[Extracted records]
######

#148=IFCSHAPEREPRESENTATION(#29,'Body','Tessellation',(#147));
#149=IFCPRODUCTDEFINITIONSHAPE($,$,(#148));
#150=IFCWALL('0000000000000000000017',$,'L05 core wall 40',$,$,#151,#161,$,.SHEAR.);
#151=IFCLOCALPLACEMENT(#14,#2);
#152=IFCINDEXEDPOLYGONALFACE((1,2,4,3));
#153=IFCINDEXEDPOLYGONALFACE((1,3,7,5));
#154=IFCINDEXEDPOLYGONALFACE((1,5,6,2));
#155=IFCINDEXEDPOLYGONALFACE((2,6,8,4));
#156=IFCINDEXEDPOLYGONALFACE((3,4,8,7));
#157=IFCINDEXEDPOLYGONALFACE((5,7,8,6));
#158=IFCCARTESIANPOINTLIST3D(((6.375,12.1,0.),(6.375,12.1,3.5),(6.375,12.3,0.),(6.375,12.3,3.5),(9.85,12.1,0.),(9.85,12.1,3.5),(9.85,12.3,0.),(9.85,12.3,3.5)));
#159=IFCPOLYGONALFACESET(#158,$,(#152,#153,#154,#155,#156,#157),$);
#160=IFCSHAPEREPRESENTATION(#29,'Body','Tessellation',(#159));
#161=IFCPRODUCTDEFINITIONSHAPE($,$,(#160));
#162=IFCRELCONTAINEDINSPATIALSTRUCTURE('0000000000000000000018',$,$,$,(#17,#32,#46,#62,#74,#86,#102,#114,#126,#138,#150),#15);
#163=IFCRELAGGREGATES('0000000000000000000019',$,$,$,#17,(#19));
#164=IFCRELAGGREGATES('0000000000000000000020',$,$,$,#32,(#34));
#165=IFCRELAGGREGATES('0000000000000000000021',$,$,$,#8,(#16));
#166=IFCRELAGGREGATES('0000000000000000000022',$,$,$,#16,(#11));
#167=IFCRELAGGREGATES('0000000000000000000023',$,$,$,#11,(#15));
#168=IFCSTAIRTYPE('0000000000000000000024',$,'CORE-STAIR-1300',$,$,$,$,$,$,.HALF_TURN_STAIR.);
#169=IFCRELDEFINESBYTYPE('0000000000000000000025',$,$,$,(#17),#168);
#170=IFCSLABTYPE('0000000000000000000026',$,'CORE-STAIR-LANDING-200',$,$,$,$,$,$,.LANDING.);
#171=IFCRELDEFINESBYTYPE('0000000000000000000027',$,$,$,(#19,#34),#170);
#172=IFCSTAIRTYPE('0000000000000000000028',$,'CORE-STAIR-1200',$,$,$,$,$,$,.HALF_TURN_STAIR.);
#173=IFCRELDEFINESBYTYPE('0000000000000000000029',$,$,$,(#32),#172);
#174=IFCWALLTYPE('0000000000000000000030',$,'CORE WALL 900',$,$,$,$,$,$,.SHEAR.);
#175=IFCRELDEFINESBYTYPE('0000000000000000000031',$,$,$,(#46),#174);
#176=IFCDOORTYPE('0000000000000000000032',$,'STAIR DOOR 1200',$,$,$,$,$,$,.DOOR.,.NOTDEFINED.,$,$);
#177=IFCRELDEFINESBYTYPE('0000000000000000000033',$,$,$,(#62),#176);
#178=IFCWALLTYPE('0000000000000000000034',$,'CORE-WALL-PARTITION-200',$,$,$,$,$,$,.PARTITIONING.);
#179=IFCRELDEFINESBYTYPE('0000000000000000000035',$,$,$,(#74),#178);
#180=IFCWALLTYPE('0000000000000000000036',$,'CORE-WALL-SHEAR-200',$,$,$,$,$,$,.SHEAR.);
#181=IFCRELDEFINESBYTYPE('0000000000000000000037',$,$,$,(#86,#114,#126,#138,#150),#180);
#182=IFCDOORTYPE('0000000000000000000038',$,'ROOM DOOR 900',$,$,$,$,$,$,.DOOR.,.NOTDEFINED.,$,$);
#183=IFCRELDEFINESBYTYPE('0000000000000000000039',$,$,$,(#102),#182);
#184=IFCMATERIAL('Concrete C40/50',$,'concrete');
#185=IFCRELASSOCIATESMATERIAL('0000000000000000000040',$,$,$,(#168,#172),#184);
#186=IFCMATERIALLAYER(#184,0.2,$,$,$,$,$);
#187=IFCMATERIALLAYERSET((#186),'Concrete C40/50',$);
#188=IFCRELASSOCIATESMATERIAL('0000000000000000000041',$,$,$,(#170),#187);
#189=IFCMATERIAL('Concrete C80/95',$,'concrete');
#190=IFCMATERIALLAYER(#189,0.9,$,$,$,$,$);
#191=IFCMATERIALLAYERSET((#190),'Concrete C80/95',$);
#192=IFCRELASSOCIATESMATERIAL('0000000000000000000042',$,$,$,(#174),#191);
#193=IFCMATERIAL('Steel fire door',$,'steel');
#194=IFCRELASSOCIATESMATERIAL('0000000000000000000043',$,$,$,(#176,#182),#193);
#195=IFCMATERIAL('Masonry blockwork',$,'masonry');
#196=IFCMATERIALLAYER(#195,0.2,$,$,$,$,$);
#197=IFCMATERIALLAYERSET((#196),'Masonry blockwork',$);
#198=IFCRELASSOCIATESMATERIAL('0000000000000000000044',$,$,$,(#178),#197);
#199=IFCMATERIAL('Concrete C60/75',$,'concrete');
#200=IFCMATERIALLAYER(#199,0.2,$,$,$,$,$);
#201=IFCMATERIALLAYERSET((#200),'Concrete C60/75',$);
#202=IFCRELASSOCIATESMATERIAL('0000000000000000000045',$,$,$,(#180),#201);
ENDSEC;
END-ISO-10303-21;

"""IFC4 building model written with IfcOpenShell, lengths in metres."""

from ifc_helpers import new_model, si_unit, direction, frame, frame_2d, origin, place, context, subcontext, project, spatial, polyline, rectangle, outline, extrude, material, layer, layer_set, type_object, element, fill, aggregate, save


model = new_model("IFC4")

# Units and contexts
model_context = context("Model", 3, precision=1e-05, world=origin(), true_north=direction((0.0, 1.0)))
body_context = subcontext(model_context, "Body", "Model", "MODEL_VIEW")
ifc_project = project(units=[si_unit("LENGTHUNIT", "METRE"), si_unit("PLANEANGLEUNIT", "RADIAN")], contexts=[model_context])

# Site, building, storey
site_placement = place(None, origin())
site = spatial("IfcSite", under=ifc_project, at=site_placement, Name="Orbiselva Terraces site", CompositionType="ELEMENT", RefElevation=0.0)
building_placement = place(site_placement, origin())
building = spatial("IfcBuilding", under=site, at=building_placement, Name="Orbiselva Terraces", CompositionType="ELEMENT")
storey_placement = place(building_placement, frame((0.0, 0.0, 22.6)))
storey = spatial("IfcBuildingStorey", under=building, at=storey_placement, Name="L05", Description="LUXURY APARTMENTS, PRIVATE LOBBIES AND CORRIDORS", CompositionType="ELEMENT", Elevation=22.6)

######

Copy, without any change, the run of lines from the one with "frame((0.0, 0.0, 22.6)))" through the end of the entries above.

storey_placement = place(building_placement, frame((0.0, 0.0, 22.6)))
storey = spatial("IfcBuildingStorey", under=building, at=storey_placement, Name="L05", Description="LUXURY APARTMENTS, PRIVATE LOBBIES AND CORRIDORS", CompositionType="ELEMENT", Elevation=22.6)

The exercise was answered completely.